Problem requirements
Using the data below, return the stretch from the line that contains "Tower Site, Downtown" through the line that contains "building_placement = place(site_placement, origin())", both included, exactly as it stands and nothing beyond it.

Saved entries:
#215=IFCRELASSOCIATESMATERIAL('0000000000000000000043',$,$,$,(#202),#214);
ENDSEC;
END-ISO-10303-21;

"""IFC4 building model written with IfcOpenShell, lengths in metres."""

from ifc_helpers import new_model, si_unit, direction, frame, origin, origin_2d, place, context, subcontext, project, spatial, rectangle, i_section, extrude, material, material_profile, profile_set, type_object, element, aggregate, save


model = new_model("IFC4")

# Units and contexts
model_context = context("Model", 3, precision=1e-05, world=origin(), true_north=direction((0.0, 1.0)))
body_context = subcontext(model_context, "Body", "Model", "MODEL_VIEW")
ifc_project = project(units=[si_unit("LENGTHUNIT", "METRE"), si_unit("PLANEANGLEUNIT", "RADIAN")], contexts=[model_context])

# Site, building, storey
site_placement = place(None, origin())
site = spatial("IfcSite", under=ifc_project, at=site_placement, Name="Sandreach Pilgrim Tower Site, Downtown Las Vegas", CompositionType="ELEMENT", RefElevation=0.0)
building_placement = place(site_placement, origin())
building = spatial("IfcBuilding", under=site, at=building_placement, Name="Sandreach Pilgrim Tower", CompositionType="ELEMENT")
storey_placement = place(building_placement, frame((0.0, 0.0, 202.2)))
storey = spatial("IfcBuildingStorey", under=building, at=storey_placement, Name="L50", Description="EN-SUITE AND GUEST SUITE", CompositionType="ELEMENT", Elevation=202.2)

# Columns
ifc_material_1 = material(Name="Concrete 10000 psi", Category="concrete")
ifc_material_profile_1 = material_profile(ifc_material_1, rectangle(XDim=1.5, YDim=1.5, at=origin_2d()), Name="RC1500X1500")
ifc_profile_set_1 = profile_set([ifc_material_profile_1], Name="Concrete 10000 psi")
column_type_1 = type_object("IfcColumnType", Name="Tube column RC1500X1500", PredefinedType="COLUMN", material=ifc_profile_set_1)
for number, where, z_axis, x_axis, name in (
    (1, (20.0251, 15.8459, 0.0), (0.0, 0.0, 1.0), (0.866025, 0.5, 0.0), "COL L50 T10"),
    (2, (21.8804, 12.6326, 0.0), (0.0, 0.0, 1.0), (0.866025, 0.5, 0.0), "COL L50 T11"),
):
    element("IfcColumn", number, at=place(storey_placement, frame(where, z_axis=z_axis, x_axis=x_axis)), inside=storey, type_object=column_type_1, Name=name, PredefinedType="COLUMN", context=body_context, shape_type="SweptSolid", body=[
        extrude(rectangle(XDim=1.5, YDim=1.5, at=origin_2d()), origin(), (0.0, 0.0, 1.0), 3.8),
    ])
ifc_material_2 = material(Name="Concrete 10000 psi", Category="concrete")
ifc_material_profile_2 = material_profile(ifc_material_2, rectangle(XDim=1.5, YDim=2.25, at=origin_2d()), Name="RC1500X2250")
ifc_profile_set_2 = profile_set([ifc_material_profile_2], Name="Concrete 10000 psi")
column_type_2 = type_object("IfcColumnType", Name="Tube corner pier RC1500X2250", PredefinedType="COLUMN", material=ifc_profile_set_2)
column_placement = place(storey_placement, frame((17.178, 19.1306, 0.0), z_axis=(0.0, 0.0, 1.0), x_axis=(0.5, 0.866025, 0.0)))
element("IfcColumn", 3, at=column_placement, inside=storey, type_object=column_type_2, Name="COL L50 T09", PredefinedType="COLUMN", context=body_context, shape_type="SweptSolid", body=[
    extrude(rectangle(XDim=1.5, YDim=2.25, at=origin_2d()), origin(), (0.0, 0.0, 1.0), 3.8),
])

Answer space
site = spatial("IfcSite", under=ifc_project, at=site_placement, Name="Sandreach Pilgrim Tower Site, Downtown Las Vegas", CompositionType="ELEMENT", RefElevation=0.0)
building_placement = place(site_placement, origin())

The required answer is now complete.